- WHAT YOU WILL DO -
Each line of the data below that contains "under" must be copied.

[Saved data entries]
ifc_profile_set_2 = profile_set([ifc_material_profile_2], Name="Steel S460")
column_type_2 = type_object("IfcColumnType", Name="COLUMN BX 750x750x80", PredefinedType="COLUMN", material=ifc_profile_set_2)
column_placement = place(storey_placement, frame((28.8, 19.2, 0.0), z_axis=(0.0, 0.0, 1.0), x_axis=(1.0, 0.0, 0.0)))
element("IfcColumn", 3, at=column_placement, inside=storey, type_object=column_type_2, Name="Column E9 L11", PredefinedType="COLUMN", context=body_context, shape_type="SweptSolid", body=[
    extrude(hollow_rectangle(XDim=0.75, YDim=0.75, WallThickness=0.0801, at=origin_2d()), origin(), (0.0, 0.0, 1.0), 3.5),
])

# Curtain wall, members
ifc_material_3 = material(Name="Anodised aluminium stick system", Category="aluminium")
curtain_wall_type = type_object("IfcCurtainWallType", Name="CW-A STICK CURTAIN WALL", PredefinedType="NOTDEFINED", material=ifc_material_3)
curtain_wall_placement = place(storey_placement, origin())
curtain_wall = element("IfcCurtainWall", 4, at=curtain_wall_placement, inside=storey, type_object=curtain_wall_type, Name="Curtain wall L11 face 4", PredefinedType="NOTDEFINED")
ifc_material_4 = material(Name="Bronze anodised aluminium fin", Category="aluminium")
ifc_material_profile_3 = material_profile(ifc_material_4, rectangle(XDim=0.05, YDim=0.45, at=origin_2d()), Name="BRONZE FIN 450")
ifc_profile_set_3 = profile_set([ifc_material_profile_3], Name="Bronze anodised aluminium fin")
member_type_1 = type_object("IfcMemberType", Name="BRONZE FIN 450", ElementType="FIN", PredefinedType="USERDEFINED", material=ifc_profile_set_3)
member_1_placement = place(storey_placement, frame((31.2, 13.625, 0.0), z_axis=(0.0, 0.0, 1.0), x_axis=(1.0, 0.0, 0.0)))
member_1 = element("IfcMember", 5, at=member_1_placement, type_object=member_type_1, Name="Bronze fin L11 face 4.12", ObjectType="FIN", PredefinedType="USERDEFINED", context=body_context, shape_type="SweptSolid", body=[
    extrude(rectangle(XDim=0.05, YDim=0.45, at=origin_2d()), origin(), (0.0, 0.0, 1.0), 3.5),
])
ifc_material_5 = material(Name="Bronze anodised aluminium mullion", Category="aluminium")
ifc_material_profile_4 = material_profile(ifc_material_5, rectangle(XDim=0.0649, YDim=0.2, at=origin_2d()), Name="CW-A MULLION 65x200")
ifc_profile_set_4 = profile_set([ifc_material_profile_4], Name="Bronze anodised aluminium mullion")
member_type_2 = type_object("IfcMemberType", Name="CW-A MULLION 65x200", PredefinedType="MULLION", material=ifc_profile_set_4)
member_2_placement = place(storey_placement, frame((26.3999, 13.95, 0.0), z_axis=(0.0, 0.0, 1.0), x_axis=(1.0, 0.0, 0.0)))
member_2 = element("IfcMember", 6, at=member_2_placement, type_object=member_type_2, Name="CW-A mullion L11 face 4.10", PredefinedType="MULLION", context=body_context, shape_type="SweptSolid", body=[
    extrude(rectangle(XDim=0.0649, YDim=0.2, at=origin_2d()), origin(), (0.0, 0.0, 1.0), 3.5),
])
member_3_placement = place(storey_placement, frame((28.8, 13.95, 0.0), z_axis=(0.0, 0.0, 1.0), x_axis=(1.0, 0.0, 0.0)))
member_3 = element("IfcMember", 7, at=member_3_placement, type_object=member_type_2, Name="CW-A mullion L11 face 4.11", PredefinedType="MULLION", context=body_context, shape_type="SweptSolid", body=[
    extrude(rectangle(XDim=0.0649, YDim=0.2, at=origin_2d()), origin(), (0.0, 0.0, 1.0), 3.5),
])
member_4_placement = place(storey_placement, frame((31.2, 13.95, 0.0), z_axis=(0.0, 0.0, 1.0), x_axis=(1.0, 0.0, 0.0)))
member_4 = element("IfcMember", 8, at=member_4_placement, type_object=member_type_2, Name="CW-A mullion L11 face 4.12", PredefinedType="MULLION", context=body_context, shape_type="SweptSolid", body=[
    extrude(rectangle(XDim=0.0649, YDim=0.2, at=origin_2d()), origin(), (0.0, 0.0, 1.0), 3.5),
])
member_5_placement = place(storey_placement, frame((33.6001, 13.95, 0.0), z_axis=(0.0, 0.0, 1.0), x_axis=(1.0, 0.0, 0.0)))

--

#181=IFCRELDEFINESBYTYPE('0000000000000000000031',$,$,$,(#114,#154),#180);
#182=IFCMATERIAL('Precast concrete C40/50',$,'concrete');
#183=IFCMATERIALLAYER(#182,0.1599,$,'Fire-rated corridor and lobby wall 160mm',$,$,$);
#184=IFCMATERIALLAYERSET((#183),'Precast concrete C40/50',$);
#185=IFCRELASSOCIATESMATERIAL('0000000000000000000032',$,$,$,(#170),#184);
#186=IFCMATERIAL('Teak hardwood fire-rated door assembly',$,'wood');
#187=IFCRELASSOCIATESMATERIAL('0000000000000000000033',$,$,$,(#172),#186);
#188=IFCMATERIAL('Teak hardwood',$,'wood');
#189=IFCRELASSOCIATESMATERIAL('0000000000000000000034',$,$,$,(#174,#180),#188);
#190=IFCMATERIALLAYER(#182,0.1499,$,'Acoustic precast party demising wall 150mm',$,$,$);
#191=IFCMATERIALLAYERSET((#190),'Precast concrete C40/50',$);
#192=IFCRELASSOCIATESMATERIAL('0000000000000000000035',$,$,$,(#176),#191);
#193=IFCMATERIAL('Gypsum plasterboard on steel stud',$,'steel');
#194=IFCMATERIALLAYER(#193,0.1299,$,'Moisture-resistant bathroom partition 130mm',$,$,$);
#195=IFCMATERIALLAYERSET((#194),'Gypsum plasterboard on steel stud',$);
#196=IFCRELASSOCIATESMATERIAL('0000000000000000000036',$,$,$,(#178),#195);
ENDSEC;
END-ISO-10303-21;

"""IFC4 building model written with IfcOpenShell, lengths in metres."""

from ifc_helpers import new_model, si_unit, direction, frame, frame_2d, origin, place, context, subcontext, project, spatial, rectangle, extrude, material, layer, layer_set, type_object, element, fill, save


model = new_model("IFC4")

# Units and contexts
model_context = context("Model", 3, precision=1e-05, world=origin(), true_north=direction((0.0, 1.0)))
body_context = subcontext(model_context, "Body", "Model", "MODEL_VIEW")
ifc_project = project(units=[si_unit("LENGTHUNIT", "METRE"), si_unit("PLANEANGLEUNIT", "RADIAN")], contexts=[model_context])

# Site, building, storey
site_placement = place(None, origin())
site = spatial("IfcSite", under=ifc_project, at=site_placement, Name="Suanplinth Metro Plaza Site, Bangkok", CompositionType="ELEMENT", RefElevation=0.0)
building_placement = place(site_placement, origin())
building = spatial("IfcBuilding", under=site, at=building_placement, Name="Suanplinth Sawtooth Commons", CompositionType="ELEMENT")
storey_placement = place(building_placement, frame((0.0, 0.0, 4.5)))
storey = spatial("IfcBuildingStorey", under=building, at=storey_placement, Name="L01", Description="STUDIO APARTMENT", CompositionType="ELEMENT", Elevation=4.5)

==

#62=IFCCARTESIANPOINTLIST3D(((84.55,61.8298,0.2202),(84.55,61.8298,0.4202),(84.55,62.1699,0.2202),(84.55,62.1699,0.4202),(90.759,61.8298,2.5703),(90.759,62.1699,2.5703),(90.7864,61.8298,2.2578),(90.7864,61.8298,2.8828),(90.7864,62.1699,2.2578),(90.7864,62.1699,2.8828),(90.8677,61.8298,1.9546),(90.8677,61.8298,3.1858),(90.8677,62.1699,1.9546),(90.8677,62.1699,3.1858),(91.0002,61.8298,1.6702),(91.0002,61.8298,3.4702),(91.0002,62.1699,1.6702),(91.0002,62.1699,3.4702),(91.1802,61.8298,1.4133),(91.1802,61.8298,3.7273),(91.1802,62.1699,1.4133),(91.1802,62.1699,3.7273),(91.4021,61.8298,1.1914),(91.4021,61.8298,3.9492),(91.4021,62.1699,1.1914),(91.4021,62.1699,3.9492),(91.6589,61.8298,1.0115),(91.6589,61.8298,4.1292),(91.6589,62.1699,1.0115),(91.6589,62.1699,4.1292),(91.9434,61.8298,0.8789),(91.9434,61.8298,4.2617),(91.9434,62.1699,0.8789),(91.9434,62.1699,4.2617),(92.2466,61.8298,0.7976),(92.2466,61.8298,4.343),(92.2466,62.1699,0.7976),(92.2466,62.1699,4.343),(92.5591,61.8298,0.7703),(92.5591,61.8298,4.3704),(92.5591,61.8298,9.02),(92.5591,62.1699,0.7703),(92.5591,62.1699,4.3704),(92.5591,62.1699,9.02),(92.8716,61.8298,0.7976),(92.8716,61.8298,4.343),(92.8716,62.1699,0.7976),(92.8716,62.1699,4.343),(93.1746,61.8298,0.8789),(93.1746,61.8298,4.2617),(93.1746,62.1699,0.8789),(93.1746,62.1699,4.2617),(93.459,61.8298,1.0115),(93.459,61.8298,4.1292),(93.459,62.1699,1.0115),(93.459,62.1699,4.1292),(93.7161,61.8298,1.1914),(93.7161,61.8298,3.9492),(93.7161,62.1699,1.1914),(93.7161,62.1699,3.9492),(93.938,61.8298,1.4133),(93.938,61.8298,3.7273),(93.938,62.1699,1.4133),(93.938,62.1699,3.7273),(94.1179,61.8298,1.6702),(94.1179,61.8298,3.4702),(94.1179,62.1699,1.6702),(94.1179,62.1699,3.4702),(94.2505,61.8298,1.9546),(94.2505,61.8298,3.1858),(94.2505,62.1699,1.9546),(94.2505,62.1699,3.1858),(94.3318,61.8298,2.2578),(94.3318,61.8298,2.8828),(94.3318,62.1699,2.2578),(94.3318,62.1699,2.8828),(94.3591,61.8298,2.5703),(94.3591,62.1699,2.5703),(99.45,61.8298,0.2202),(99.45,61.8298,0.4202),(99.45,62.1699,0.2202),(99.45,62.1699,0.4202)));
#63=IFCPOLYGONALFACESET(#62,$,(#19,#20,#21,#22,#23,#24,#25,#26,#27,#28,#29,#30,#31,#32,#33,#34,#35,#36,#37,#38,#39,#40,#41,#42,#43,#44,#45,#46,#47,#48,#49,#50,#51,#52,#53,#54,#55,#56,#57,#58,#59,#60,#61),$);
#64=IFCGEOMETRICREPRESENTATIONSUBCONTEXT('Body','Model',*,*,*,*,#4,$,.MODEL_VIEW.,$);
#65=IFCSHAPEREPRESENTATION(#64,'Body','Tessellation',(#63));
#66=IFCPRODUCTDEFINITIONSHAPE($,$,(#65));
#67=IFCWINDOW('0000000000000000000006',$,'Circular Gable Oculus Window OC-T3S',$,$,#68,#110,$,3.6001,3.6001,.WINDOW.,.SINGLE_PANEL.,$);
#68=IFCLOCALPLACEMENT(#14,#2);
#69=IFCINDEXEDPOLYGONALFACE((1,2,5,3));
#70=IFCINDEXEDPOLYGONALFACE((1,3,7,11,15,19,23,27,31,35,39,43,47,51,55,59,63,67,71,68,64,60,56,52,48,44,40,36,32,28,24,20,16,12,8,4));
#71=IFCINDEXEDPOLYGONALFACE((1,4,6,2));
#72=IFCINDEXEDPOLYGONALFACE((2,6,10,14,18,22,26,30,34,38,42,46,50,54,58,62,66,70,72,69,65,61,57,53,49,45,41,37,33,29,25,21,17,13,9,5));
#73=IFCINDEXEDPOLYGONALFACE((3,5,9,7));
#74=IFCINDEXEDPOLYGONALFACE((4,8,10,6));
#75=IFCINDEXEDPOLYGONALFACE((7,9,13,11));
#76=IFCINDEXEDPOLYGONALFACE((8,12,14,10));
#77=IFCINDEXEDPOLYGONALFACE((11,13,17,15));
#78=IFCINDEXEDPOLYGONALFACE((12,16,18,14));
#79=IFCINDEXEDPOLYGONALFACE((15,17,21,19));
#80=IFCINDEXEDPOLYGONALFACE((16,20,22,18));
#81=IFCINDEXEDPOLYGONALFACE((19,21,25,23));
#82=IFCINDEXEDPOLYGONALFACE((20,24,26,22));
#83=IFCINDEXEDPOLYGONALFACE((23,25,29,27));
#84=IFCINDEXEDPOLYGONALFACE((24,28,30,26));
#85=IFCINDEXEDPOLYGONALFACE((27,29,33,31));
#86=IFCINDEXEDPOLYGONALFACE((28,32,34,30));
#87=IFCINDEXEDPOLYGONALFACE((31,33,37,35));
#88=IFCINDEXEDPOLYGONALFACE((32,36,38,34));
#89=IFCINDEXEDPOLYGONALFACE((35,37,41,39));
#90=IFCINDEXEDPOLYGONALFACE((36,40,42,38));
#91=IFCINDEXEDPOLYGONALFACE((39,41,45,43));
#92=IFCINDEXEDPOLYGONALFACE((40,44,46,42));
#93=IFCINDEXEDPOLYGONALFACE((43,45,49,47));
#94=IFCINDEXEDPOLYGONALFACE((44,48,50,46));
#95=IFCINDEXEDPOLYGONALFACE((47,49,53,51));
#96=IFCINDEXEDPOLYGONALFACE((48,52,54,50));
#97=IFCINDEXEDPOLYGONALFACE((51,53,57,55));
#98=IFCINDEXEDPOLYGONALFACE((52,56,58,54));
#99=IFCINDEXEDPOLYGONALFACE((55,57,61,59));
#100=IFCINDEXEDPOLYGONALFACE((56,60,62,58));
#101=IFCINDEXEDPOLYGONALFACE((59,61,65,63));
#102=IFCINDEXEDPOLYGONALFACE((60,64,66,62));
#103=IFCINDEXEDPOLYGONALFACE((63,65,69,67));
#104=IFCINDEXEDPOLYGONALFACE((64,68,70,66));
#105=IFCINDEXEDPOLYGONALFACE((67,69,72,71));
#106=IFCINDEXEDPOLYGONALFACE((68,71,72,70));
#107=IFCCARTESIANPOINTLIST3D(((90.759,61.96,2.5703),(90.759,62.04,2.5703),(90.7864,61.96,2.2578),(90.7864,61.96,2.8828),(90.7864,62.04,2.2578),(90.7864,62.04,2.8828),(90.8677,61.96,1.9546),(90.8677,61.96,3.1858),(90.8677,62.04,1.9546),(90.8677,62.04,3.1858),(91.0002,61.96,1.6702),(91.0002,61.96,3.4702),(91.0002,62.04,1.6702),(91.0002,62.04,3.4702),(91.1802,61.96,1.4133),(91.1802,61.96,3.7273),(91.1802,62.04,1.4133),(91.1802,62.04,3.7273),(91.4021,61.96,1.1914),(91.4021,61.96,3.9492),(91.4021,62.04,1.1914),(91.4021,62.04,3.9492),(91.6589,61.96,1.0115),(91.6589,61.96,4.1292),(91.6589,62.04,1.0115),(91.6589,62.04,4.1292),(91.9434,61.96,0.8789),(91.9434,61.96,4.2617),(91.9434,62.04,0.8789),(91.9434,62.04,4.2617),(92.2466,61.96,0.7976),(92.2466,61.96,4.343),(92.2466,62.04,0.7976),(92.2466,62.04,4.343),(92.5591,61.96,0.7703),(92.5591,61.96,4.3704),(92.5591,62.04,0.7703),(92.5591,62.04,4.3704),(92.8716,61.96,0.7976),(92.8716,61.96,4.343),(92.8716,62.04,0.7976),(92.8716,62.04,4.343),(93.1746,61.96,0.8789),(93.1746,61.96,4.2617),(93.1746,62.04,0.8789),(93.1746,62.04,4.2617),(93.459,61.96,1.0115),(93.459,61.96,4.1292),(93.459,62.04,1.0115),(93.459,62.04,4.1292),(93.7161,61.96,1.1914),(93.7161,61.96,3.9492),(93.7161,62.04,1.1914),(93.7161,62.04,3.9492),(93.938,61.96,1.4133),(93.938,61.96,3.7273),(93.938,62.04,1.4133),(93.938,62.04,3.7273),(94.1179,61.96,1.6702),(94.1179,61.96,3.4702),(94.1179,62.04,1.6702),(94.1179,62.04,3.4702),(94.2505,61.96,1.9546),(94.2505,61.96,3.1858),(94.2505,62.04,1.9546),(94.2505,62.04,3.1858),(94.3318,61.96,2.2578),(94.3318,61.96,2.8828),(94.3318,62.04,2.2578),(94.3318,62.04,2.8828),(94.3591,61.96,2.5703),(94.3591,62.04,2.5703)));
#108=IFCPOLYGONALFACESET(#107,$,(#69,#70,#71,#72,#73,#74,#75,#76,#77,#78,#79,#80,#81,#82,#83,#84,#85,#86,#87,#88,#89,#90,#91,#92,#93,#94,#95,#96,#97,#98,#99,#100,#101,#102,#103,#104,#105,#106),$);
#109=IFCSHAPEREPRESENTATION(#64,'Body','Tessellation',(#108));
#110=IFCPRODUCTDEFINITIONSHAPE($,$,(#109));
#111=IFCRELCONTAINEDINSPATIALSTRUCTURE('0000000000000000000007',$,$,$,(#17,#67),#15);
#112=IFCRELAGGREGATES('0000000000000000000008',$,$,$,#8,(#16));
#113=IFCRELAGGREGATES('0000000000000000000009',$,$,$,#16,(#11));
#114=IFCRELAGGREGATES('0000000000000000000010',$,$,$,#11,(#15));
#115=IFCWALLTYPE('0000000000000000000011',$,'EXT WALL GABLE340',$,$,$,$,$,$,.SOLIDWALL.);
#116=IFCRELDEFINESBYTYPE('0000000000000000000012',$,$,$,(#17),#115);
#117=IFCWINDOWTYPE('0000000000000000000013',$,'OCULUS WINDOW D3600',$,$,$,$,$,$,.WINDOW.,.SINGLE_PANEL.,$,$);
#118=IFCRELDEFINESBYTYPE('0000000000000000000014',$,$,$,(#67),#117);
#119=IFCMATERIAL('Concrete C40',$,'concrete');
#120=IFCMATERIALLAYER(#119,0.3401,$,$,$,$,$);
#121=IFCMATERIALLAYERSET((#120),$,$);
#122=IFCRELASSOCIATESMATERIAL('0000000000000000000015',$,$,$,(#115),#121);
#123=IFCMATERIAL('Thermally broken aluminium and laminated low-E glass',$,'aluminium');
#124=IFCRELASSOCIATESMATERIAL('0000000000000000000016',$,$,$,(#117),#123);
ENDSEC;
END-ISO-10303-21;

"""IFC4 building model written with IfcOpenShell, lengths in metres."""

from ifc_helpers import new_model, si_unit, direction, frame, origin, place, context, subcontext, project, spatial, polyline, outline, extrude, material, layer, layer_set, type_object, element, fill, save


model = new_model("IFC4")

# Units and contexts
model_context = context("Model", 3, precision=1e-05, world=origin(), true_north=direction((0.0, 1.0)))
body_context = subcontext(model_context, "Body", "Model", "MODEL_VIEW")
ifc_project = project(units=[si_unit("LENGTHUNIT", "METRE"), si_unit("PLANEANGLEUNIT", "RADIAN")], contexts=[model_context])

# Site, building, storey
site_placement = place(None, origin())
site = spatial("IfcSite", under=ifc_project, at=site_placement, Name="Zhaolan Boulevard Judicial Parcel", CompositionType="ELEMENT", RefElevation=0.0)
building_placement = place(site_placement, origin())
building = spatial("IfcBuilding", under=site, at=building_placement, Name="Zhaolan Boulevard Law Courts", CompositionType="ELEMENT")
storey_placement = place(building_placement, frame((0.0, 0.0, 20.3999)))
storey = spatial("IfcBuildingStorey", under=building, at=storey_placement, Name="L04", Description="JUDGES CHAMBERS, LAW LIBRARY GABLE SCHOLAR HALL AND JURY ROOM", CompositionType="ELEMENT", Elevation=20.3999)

- TASK SOLUTION -
site = spatial("IfcSite", under=ifc_project, at=site_placement, Name="Suanplinth Metro Plaza Site, Bangkok", CompositionType="ELEMENT", RefElevation=0.0)
building = spatial("IfcBuilding", under=site, at=building_placement, Name="Suanplinth Sawtooth Commons", CompositionType="ELEMENT")
storey = spatial("IfcBuildingStorey", under=building, at=storey_placement, Name="L01", Description="STUDIO APARTMENT", CompositionType="ELEMENT", Elevation=4.5)
site = spatial("IfcSite", under=ifc_project, at=site_placement, Name="Zhaolan Boulevard Judicial Parcel", CompositionType="ELEMENT", RefElevation=0.0)
building = spatial("IfcBuilding", under=site, at=building_placement, Name="Zhaolan Boulevard Law Courts", CompositionType="ELEMENT")
storey = spatial("IfcBuildingStorey", under=building, at=storey_placement, Name="L04", Description="JUDGES CHAMBERS, LAW LIBRARY GABLE SCHOLAR HALL AND JURY ROOM", CompositionType="ELEMENT", Elevation=20.3999)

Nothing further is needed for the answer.